TASK GOAL » Look through the listing below and report the lines that have the word "IFCSIUNIT" in them.

DATASET CONTENT »
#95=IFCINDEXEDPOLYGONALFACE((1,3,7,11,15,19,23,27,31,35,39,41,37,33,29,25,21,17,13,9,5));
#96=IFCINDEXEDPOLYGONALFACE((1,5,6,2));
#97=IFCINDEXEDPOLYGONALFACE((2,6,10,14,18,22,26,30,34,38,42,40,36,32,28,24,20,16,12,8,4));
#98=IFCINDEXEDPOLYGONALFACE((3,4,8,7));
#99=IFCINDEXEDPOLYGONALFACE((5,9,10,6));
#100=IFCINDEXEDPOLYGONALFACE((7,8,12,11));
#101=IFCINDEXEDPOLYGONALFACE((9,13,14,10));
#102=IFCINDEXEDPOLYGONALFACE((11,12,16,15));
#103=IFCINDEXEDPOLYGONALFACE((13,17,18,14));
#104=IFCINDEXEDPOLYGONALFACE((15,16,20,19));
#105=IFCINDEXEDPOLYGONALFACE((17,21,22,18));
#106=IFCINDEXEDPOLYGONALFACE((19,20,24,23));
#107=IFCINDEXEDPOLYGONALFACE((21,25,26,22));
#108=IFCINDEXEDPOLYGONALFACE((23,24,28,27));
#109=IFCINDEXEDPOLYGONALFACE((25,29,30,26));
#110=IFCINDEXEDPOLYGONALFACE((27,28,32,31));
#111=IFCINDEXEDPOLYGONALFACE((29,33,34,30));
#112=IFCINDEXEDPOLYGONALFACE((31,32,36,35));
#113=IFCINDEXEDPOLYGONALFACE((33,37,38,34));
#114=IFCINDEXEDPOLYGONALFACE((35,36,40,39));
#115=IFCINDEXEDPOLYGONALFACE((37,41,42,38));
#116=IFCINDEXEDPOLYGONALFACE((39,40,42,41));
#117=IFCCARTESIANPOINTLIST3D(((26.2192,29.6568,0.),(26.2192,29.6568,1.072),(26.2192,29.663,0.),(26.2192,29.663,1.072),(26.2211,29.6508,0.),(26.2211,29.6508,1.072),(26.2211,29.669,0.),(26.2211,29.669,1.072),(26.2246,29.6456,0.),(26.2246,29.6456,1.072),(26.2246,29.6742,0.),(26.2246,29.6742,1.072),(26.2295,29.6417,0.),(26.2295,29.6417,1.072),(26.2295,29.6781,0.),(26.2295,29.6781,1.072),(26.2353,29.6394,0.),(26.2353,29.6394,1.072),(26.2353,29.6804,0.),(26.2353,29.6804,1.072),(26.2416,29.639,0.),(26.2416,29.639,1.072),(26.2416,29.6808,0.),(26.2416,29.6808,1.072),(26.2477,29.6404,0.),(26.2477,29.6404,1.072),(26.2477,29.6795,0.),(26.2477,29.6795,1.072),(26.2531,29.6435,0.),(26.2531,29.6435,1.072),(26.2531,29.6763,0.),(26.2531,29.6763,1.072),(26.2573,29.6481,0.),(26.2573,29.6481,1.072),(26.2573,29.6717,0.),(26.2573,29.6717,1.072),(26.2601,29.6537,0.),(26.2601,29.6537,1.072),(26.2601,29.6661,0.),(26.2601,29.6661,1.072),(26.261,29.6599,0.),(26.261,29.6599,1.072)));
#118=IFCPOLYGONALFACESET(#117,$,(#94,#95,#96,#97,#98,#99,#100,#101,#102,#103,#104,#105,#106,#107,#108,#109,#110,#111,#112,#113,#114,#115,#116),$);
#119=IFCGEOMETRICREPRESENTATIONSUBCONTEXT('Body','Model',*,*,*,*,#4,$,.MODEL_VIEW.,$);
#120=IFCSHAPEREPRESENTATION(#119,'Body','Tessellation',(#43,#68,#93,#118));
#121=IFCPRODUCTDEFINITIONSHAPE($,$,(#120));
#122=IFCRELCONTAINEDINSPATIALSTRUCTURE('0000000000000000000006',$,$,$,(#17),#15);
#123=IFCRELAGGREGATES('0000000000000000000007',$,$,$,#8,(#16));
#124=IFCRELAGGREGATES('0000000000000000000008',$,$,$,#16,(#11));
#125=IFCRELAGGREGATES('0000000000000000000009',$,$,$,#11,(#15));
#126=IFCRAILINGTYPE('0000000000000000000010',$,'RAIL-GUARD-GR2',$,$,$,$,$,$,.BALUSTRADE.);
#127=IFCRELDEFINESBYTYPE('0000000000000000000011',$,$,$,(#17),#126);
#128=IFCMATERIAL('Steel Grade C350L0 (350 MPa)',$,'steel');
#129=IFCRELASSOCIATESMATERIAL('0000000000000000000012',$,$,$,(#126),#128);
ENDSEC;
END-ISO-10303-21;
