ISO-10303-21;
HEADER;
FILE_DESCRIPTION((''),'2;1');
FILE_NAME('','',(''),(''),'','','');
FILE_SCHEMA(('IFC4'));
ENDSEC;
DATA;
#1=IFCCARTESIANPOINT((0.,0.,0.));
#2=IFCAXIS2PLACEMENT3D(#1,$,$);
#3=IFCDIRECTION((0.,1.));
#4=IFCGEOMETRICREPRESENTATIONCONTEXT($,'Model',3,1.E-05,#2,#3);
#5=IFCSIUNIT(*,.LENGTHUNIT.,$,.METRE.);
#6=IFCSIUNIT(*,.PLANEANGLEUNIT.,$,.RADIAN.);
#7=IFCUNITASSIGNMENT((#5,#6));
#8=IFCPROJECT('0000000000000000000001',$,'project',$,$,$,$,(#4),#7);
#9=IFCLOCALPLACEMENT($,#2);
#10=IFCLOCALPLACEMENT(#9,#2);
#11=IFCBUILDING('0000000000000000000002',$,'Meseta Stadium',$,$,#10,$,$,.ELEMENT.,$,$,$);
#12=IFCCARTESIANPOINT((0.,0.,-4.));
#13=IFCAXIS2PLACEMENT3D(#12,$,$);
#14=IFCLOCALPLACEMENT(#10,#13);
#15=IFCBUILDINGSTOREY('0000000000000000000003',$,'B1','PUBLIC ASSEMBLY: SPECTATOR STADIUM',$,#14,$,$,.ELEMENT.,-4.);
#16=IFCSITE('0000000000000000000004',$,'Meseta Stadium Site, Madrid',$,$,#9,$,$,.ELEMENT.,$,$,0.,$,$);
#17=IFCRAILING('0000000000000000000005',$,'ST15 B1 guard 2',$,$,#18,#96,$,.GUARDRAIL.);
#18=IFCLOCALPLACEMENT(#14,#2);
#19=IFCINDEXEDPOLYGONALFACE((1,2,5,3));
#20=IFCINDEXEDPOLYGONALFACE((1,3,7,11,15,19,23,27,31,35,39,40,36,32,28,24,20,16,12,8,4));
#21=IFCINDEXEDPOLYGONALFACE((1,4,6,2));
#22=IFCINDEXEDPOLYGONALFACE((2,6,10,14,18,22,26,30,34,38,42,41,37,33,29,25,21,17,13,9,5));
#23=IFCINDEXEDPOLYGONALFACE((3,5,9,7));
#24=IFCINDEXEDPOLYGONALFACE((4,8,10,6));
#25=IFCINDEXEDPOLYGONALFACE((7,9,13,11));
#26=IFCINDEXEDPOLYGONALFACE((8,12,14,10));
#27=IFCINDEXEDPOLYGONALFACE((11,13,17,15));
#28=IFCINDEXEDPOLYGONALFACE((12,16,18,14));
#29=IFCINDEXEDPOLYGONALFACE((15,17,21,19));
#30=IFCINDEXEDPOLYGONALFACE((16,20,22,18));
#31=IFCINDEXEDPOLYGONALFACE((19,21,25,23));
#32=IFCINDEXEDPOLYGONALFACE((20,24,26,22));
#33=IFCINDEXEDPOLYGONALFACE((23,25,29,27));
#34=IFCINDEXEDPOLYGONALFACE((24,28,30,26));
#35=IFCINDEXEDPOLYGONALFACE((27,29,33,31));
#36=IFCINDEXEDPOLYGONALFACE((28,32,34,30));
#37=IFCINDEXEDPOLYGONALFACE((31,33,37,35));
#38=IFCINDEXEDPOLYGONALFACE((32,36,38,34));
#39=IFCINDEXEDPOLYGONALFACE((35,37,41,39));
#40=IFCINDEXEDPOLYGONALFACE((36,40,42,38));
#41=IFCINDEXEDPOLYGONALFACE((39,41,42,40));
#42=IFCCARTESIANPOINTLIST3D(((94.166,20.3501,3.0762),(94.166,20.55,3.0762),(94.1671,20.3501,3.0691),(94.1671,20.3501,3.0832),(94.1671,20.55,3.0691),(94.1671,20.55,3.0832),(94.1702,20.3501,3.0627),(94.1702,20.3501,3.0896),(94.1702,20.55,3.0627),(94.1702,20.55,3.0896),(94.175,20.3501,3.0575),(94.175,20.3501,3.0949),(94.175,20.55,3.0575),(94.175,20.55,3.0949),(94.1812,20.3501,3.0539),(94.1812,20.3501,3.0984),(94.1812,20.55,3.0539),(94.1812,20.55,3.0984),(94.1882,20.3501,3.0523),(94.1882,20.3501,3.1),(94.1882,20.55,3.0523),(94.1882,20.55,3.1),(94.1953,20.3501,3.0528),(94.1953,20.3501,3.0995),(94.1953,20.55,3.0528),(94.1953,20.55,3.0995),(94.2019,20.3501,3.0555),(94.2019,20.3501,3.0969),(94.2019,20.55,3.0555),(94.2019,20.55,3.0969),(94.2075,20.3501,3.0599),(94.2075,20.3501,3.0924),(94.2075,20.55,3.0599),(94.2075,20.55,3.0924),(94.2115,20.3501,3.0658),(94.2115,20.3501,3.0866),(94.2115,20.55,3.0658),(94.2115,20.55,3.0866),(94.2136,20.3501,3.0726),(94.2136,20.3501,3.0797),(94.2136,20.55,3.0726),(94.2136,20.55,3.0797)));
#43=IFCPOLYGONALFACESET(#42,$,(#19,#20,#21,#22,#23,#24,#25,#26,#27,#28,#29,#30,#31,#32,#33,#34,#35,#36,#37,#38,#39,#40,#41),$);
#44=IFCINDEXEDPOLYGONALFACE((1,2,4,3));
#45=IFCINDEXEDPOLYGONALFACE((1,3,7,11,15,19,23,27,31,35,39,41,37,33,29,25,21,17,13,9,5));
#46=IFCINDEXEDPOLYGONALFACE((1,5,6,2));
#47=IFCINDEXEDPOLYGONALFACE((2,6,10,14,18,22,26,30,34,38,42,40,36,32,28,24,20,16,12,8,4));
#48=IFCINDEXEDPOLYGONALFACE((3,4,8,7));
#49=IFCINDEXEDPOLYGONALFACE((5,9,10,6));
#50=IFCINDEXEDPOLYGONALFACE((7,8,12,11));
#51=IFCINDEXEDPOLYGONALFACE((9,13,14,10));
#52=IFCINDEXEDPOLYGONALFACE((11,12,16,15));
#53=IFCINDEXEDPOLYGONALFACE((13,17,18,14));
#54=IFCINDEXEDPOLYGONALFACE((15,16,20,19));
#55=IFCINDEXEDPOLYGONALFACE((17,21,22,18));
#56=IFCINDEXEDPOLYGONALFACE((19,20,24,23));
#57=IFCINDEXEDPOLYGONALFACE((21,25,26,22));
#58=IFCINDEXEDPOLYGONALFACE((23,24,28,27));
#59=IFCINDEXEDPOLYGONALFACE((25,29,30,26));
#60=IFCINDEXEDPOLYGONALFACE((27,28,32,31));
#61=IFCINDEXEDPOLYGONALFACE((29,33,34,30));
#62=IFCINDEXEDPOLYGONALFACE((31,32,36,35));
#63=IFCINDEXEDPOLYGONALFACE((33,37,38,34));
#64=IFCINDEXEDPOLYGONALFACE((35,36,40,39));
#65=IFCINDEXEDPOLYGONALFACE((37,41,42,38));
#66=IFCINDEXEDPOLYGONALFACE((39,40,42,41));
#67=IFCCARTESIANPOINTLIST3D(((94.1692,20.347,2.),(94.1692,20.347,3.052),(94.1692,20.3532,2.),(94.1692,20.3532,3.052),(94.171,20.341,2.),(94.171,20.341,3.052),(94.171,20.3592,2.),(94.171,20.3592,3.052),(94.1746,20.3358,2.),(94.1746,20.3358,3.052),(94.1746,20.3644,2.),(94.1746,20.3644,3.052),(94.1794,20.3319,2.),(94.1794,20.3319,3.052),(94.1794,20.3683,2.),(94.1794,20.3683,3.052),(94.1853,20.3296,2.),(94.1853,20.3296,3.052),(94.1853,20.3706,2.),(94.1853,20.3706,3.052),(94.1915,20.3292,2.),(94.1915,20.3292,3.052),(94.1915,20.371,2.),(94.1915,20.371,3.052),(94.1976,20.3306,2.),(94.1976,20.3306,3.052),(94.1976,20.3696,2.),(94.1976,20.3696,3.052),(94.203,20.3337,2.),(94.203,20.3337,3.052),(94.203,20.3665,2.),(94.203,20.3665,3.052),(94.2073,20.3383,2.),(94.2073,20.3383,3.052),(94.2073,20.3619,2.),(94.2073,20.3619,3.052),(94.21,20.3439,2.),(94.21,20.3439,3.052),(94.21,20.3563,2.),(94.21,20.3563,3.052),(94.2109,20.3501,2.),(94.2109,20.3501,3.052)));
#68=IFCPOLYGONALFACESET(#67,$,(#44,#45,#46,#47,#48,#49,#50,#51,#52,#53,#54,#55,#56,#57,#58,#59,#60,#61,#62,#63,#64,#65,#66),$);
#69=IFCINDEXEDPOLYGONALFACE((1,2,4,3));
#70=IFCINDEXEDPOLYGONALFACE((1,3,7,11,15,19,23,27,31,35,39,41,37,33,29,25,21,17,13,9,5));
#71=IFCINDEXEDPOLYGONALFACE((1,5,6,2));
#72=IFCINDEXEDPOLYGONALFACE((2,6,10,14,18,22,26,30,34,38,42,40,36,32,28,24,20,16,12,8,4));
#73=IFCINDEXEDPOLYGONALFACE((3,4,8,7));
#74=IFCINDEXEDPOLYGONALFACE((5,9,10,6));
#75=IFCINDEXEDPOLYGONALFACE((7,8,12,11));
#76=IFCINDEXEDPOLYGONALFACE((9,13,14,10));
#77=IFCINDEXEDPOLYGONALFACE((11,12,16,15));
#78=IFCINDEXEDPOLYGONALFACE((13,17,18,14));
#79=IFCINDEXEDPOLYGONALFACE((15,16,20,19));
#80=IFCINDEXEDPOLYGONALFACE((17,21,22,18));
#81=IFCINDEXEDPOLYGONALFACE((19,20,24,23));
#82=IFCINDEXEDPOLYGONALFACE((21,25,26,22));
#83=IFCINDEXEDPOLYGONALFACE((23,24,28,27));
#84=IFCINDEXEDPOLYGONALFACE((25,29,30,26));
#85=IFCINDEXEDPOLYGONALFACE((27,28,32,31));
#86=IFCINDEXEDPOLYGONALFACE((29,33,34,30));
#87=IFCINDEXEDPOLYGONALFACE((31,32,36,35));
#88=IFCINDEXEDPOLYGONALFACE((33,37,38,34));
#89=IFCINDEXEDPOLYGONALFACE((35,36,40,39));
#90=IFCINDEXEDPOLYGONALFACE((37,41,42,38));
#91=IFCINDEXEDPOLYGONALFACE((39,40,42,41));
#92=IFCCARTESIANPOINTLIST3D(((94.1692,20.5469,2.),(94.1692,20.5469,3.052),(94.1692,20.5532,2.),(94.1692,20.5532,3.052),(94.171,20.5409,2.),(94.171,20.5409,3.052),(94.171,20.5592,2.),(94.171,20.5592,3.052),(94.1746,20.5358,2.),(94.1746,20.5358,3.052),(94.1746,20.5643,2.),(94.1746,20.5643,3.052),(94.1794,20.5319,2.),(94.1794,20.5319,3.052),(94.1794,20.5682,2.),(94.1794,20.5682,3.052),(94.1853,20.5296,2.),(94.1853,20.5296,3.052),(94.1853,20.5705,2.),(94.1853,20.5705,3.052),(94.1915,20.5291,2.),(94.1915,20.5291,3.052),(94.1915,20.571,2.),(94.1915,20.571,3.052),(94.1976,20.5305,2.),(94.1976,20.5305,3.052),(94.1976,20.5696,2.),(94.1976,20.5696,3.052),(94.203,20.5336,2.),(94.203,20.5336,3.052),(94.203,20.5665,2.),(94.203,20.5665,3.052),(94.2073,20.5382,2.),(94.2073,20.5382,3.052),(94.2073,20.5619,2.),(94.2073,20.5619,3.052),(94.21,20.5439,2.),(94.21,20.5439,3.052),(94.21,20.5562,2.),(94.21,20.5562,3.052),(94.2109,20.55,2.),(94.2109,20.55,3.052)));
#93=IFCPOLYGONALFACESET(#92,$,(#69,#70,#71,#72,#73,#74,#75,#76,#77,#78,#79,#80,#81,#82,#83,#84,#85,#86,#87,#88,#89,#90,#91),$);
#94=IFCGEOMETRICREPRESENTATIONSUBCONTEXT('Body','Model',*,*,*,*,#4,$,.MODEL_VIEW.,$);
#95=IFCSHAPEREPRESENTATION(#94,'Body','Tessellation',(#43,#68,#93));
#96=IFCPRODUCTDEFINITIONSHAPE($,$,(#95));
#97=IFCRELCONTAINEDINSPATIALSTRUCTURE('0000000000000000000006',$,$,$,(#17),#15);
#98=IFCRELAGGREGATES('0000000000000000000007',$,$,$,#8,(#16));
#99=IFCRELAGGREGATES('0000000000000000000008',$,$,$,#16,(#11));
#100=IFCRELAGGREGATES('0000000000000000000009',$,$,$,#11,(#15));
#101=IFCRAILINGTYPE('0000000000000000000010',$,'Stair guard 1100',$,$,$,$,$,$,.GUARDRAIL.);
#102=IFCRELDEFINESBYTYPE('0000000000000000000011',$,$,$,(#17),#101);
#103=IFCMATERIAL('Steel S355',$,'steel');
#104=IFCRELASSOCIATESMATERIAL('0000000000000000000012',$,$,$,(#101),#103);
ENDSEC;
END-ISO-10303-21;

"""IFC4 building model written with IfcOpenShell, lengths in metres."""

from ifc_helpers import new_model, si_unit, direction, frame, origin, origin_2d, place, context, subcontext, project, spatial, circle, extrude, material, type_object, element, save


model = new_model("IFC4")

# Units and contexts
model_context = context("Model", 3, precision=1e-05, world=origin(), true_north=direction((0.0, 1.0)))
body_context = subcontext(model_context, "Body", "Model", "MODEL_VIEW")
ifc_project = project(units=[si_unit("LENGTHUNIT", "METRE"), si_unit("PLANEANGLEUNIT", "RADIAN")], contexts=[model_context])

# Site, building, storey
site_placement = place(None, origin())
site = spatial("IfcSite", under=ifc_project, at=site_placement, Name="Meseta Stadium Site, Madrid", CompositionType="ELEMENT", RefElevation=0.0)
building_placement = place(site_placement, origin())
building = spatial("IfcBuilding", under=site, at=building_placement, Name="Meseta Stadium", CompositionType="ELEMENT")
storey_placement = place(building_placement, frame((0.0, 0.0, -4.0)))
storey = spatial("IfcBuildingStorey", under=building, at=storey_placement, Name="B1", Description="PUBLIC ASSEMBLY: SPECTATOR STADIUM", CompositionType="ELEMENT", Elevation=-4.0)

# Railing
ifc_material_1 = material(Name="Steel S355", Category="steel")
railing_type_1 = type_object("IfcRailingType", Name="Stair guard 1100", PredefinedType="GUARDRAIL", material=ifc_material_1)
railing_1_placement = place(storey_placement, frame((94.1899, 20.3501, 2.0)))
element("IfcRailing", 1, at=railing_1_placement, inside=storey, type_object=railing_type_1, Name="ST15 B1 guard 2", PredefinedType="GUARDRAIL", context=body_context, shape_type="SweptSolid", body=[
    extrude(circle(Radius=0.0239, at=origin_2d()), frame((0.0, 0.0, 1.0762), z_axis=(0.0, 1.0, 0.0), x_axis=(-1.0, 0.0, 0.0)), (0.0, 0.0, 1.0), 0.2),
    extrude(circle(Radius=0.021, at=origin_2d()), origin(), (0.0, 0.0, 1.0), 1.052),
    extrude(circle(Radius=0.021, at=origin_2d()), frame((0.0, 0.2, 0.0)), (0.0, 0.0, 1.0), 1.052),
])

save(model, "model.ifc")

OUTPUT FOR THIS EXERCISE »
#5=IFCSIUNIT(*,.LENGTHUNIT.,$,.METRE.);
#6=IFCSIUNIT(*,.PLANEANGLEUNIT.,$,.RADIAN.);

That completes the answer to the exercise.